Data records:
________

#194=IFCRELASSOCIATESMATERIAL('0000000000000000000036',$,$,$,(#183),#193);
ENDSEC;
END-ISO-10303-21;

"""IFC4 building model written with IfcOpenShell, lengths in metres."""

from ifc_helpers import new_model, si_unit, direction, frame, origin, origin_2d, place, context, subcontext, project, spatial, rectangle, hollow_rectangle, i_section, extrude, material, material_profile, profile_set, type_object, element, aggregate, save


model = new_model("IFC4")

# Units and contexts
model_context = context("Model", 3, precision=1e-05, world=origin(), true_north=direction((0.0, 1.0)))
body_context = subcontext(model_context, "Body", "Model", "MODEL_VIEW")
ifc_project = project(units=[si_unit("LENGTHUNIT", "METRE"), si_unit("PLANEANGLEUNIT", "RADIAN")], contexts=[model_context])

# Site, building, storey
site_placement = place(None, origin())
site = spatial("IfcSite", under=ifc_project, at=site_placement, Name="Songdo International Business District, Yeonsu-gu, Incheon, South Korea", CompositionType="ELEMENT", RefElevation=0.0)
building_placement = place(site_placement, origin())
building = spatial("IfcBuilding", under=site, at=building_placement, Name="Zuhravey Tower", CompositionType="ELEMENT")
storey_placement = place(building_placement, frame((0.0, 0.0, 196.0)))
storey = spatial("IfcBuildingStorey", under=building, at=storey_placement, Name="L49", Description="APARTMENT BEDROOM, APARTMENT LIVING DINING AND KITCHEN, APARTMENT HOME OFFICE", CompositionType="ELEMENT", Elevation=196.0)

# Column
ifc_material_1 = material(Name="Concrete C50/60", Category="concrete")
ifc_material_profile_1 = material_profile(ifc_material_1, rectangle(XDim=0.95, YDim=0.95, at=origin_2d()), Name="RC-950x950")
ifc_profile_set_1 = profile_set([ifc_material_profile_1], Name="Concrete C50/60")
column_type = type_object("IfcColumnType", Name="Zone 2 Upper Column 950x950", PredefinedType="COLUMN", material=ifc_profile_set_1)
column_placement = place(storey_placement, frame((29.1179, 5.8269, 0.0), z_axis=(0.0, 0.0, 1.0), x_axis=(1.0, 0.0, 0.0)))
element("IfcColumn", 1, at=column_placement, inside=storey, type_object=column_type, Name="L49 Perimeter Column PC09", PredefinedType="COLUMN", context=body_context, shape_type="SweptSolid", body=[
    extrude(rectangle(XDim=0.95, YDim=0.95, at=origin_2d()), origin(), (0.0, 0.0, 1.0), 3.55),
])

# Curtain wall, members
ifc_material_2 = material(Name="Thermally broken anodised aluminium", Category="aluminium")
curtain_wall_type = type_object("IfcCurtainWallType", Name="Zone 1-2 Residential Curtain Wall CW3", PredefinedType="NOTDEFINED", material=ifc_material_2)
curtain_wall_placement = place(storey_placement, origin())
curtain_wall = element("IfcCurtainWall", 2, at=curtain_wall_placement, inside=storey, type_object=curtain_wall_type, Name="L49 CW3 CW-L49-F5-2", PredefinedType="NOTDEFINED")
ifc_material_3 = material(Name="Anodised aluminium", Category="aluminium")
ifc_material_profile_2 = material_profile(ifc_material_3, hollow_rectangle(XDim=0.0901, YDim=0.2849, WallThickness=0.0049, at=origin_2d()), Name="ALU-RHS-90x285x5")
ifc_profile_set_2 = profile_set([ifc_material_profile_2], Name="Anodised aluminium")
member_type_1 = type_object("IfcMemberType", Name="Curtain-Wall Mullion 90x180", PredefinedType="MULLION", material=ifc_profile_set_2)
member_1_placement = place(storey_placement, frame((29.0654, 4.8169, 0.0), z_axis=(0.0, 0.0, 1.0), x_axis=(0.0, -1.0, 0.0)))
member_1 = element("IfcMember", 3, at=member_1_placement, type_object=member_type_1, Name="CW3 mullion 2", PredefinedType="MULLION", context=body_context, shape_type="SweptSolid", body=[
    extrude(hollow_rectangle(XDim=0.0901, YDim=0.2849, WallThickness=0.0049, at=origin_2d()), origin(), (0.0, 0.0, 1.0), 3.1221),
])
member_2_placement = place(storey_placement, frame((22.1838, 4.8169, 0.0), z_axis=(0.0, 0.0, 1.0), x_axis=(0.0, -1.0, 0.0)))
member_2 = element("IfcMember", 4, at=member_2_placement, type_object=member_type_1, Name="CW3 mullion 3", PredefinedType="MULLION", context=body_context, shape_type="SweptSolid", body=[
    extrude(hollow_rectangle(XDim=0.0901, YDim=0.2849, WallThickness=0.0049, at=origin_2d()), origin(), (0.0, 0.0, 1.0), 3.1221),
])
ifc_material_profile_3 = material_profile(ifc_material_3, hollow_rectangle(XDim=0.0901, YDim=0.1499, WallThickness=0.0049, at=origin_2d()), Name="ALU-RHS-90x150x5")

________

* Your task: Your answer should consist of the lines above that hold the word "CompositionType".

* Written solution:
site = spatial("IfcSite", under=ifc_project, at=site_placement, Name="Songdo International Business District, Yeonsu-gu, Incheon, South Korea", CompositionType="ELEMENT", RefElevation=0.0)
building = spatial("IfcBuilding", under=site, at=building_placement, Name="Zuhravey Tower", CompositionType="ELEMENT")
storey = spatial("IfcBuildingStorey", under=building, at=storey_placement, Name="L49", Description="APARTMENT BEDROOM, APARTMENT LIVING DINING AND KITCHEN, APARTMENT HOME OFFICE", CompositionType="ELEMENT", Elevation=196.0)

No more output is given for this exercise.